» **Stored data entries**
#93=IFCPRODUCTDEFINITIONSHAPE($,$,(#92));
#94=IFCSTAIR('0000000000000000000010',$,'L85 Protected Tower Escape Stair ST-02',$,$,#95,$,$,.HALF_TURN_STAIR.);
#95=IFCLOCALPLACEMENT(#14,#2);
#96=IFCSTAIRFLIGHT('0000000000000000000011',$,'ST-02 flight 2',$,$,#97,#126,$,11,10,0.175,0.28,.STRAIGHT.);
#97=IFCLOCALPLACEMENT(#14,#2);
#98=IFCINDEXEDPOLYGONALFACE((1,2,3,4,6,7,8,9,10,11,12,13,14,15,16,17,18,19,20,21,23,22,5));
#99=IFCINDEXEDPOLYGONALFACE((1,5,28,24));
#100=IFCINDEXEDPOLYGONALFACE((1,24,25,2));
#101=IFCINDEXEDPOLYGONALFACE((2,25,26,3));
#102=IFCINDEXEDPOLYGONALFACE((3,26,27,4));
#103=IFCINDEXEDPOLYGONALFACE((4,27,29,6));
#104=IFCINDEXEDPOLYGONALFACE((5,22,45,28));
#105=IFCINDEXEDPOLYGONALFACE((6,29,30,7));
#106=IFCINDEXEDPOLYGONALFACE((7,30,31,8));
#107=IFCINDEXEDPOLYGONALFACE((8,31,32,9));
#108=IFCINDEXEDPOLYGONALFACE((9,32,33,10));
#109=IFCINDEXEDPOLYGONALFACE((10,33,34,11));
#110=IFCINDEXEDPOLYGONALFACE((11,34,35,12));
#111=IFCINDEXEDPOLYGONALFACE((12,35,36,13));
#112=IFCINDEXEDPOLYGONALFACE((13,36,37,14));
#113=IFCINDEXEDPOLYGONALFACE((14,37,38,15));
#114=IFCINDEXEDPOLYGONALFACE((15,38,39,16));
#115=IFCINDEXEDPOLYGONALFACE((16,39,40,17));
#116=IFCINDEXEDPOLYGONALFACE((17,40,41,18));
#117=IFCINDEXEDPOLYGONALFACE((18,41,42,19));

» **EXERCISE**
Look over the records. Copy the lines that include the word "IFCLOCALPLACEMENT".

» **RESULT OF THE EXERCISE**
#95=IFCLOCALPLACEMENT(#14,#2);
#97=IFCLOCALPLACEMENT(#14,#2);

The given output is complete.